▸ **WORK ITEM**
With the first line below as the start and the line containing "#7=IFCUNITASSIGNMENT((#5,#6));" as the end, copy every line between them exactly, ends included.

___ DATA SHOWN ___

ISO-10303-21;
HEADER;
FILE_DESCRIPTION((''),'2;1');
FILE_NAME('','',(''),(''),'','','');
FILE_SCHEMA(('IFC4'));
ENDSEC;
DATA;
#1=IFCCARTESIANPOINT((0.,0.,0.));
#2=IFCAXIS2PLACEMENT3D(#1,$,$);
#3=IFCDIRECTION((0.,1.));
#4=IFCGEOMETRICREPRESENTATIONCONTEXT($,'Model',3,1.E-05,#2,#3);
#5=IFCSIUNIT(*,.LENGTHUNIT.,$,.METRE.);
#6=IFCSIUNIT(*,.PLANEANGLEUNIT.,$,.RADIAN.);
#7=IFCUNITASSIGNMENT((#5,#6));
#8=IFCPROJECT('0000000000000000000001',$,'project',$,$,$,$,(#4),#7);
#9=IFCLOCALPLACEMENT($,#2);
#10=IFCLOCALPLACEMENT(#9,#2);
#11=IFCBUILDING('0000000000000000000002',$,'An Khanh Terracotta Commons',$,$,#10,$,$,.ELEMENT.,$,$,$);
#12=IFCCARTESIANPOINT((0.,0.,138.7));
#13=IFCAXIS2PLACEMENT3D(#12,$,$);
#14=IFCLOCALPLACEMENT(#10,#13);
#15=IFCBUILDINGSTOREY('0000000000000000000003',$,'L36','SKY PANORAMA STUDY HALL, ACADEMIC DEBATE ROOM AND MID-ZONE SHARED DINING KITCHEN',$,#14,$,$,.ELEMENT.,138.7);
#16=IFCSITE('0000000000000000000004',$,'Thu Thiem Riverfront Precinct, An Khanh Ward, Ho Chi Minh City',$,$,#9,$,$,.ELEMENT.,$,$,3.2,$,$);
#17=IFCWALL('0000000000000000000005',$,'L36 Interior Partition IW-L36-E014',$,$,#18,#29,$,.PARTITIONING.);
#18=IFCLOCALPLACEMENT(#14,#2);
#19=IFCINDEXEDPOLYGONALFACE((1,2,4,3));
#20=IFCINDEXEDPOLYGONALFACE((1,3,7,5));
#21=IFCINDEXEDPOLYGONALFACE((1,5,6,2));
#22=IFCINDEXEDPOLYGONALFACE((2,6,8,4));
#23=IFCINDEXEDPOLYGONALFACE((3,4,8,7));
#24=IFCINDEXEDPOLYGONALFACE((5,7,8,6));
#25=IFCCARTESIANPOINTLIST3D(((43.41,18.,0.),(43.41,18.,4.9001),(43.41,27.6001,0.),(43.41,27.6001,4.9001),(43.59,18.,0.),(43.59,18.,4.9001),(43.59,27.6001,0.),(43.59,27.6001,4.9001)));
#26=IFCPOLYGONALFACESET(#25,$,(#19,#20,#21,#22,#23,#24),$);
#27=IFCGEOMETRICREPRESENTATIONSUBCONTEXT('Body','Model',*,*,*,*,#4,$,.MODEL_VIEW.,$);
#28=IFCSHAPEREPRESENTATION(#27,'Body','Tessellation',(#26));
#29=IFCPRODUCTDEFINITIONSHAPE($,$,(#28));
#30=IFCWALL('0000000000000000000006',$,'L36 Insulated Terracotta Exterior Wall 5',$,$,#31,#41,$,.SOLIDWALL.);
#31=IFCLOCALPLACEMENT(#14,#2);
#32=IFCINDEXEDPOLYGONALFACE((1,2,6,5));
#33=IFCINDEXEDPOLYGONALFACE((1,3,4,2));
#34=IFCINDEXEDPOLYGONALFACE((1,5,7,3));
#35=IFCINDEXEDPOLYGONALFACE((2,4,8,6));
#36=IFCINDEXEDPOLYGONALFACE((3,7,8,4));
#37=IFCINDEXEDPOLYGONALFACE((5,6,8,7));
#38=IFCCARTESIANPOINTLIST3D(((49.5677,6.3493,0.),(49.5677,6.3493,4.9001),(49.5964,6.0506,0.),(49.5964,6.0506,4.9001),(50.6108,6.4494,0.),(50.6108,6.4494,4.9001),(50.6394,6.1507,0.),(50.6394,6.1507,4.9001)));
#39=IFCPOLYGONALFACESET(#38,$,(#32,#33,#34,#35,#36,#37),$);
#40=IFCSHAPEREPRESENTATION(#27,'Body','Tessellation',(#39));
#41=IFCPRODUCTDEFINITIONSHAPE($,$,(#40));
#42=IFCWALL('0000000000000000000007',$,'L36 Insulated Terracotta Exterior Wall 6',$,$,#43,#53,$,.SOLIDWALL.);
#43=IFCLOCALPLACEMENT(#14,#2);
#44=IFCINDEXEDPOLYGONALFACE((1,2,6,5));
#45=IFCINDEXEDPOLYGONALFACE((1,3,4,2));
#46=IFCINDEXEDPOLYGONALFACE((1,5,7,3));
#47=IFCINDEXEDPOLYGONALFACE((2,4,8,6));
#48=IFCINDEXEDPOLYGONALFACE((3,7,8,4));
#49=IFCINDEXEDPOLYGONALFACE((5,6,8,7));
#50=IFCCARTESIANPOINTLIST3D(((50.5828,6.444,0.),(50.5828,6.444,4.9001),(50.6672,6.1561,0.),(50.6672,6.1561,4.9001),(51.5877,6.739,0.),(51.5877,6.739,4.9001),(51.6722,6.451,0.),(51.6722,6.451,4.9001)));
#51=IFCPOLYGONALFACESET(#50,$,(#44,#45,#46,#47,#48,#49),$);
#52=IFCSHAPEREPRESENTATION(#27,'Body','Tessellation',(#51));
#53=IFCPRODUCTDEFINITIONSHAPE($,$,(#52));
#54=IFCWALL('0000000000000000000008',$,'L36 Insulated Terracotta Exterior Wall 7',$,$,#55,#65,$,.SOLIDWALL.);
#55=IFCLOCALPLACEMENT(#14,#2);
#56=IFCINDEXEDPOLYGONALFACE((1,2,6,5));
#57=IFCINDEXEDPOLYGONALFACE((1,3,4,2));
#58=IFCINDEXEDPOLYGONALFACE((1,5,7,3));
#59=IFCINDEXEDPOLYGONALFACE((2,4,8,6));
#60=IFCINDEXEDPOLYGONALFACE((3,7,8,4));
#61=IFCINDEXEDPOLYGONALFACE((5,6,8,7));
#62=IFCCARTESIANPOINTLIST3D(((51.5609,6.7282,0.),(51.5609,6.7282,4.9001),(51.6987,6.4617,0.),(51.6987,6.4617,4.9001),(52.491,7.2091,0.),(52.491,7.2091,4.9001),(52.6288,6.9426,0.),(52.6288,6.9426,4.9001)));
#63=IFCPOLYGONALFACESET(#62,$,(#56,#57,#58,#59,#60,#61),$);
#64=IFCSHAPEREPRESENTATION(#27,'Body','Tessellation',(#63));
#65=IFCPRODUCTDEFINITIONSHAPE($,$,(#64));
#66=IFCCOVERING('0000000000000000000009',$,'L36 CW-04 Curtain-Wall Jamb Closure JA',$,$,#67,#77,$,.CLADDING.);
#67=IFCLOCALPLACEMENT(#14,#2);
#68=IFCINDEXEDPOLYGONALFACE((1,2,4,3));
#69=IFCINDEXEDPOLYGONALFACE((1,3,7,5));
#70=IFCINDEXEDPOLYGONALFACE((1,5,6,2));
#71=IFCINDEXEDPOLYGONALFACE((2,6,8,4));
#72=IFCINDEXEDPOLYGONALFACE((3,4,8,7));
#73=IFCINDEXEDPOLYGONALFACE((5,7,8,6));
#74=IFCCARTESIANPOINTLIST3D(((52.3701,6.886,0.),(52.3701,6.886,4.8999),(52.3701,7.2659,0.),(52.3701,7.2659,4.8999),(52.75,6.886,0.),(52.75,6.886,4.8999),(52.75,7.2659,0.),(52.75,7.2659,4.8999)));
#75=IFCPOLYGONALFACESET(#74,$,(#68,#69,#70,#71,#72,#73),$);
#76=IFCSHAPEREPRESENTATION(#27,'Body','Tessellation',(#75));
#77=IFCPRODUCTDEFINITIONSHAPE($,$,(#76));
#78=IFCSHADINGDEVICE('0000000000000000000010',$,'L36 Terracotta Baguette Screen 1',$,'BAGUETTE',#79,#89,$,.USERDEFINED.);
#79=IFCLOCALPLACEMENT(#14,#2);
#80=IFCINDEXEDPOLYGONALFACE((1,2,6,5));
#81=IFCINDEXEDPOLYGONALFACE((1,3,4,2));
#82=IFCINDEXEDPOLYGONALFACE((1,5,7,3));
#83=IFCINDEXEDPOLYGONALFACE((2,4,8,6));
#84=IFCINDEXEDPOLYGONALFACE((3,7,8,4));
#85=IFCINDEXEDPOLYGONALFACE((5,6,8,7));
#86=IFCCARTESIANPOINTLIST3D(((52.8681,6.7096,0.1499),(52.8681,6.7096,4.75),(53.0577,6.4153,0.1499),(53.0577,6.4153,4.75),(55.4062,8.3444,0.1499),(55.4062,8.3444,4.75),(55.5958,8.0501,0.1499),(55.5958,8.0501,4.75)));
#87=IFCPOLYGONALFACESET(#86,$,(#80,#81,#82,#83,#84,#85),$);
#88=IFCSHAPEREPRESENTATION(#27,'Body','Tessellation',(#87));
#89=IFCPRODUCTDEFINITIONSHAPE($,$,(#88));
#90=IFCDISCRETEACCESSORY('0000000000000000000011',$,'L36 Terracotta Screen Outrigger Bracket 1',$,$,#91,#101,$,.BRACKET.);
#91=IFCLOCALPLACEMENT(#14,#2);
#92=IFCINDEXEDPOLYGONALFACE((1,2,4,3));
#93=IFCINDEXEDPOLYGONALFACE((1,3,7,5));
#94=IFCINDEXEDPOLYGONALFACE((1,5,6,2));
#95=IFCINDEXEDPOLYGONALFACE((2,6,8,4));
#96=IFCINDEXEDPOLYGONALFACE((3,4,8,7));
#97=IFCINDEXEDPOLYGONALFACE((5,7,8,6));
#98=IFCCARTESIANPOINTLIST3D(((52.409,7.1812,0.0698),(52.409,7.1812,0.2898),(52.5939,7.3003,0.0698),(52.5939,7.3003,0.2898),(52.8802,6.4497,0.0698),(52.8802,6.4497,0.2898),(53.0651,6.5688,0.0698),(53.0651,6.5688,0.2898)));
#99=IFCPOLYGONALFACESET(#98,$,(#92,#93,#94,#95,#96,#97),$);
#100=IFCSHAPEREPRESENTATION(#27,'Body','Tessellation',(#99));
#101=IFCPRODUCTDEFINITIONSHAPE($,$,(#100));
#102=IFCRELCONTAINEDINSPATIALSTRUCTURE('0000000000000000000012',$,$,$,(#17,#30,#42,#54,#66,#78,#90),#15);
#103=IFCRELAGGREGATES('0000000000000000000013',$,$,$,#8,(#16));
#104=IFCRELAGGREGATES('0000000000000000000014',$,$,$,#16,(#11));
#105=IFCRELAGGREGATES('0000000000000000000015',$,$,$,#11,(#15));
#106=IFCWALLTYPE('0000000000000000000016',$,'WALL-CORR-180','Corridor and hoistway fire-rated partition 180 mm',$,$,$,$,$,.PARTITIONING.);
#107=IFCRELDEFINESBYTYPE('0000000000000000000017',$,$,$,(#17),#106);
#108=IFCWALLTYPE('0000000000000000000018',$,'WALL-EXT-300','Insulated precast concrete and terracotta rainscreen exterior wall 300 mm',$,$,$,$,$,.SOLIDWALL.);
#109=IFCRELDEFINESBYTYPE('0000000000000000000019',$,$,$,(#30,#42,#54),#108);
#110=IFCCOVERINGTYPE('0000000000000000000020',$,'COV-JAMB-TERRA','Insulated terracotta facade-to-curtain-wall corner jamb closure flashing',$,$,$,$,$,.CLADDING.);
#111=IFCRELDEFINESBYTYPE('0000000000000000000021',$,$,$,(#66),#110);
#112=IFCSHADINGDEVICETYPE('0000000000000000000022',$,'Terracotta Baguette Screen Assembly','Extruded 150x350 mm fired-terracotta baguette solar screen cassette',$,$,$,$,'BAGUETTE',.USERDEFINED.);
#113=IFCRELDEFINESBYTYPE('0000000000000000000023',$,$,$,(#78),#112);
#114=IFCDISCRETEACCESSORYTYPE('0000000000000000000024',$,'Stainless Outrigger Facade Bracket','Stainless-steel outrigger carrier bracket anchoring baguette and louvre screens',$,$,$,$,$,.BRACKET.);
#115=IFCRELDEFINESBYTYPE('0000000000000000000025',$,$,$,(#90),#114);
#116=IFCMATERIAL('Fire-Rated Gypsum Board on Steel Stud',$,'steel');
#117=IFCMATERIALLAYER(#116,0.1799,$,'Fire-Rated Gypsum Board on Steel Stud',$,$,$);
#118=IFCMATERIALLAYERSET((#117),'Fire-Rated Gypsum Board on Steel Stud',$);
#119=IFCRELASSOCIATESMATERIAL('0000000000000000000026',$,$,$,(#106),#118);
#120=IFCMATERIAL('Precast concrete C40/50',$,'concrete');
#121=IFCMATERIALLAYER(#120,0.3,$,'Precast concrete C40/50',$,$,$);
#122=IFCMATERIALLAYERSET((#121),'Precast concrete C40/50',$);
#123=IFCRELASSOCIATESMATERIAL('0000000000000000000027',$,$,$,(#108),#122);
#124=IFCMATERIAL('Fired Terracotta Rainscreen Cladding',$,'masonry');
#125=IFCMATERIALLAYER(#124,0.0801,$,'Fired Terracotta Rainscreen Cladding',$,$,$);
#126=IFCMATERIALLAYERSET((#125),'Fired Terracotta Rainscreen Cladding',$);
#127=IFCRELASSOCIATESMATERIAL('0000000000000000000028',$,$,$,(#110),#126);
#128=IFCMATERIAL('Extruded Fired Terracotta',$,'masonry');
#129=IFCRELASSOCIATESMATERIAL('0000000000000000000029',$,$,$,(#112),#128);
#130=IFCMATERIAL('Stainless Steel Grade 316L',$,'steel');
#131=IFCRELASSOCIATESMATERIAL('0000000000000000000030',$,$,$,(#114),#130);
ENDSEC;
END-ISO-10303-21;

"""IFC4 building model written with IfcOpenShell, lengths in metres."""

from ifc_helpers import new_model, si_unit, direction, frame, frame_2d, origin, origin_2d, place, context, subcontext, project, spatial, rectangle, extrude, material, layer, layer_set, type_object, element, save


model = new_model("IFC4")

# Units and contexts
model_context = context("Model", 3, precision=1e-05, world=origin(), true_north=direction((0.0, 1.0)))
body_context = subcontext(model_context, "Body", "Model", "MODEL_VIEW")
ifc_project = project(units=[si_unit("LENGTHUNIT", "METRE"), si_unit("PLANEANGLEUNIT", "RADIAN")], contexts=[model_context])

# Site, building, storey
site_placement = place(None, origin())
site = spatial("IfcSite", under=ifc_project, at=site_placement, Name="Thu Thiem Riverfront Precinct, An Khanh Ward, Ho Chi Minh City", CompositionType="ELEMENT", RefElevation=3.2)
building_placement = place(site_placement, origin())
building = spatial("IfcBuilding", under=site, at=building_placement, Name="An Khanh Terracotta Commons", CompositionType="ELEMENT")
storey_placement = place(building_placement, frame((0.0, 0.0, 138.7)))
storey = spatial("IfcBuildingStorey", under=building, at=storey_placement, Name="L36", Description="SKY PANORAMA STUDY HALL, ACADEMIC DEBATE ROOM AND MID-ZONE SHARED DINING KITCHEN", CompositionType="ELEMENT", Elevation=138.7)

# Walls
ifc_material_1 = material(Name="Fire-Rated Gypsum Board on Steel Stud", Category="steel")
ifc_layer_1 = layer(ifc_material_1, 0.1799, Name="Fire-Rated Gypsum Board on Steel Stud")
ifc_layer_set_1 = layer_set([ifc_layer_1], Name="Fire-Rated Gypsum Board on Steel Stud")
wall_type_1 = type_object("IfcWallType", Name="WALL-CORR-180", Description="Corridor and hoistway fire-rated partition 180 mm", PredefinedType="PARTITIONING", material=ifc_layer_set_1)
wall_1_placement = place(storey_placement, frame((43.5, 18.0, 0.0), z_axis=(0.0, 0.0, 1.0), x_axis=(0.0, 1.0, 0.0)))
element("IfcWall", 1, at=wall_1_placement, inside=storey, type_object=wall_type_1, Name="L36 Interior Partition IW-L36-E014", PredefinedType="PARTITIONING", context=body_context, shape_type="SweptSolid", body=[
    extrude(rectangle(XDim=9.6001, YDim=0.1799, at=frame_2d((4.8, 0.0))), origin(), (0.0, 0.0, 1.0), 4.9001),
])
ifc_material_2 = material(Name="Precast concrete C40/50", Category="concrete")
ifc_layer_2 = layer(ifc_material_2, 0.3, Name="Precast concrete C40/50")
ifc_layer_set_2 = layer_set([ifc_layer_2], Name="Precast concrete C40/50")
wall_type_2 = type_object("IfcWallType", Name="WALL-EXT-300", Description="Insulated precast concrete and terracotta rainscreen exterior wall 300 mm", PredefinedType="SOLIDWALL", material=ifc_layer_set_2)
wall_2_placement = place(storey_placement, frame((49.582, 6.2, 0.0), z_axis=(0.0, 0.0, 1.0), x_axis=(0.995426, 0.095535, 0.0)))
element("IfcWall", 2, at=wall_2_placement, inside=storey, type_object=wall_type_2, Name="L36 Insulated Terracotta Exterior Wall 5", PredefinedType="SOLIDWALL", context=body_context, shape_type="SweptSolid", body=[
    extrude(rectangle(XDim=1.0479, YDim=0.3, at=frame_2d((0.5239, 0.0))), origin(), (0.0, 0.0, 1.0), 4.9001),
])
wall_3_placement = place(storey_placement, frame((50.625, 6.3, 0.0), z_axis=(0.0, 0.0, 1.0), x_axis=(0.959529, 0.281611, 0.0)))
element("IfcWall", 3, at=wall_3_placement, inside=storey, type_object=wall_type_2, Name="L36 Insulated Terracotta Exterior Wall 6", PredefinedType="SOLIDWALL", context=body_context, shape_type="SweptSolid", body=[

___

▸ **RESPONSE AREA**
ISO-10303-21;
HEADER;
FILE_DESCRIPTION((''),'2;1');
FILE_NAME('','',(''),(''),'','','');
FILE_SCHEMA(('IFC4'));
ENDSEC;
DATA;
#1=IFCCARTESIANPOINT((0.,0.,0.));
#2=IFCAXIS2PLACEMENT3D(#1,$,$);
#3=IFCDIRECTION((0.,1.));
#4=IFCGEOMETRICREPRESENTATIONCONTEXT($,'Model',3,1.E-05,#2,#3);
#5=IFCSIUNIT(*,.LENGTHUNIT.,$,.METRE.);
#6=IFCSIUNIT(*,.PLANEANGLEUNIT.,$,.RADIAN.);
#7=IFCUNITASSIGNMENT((#5,#6));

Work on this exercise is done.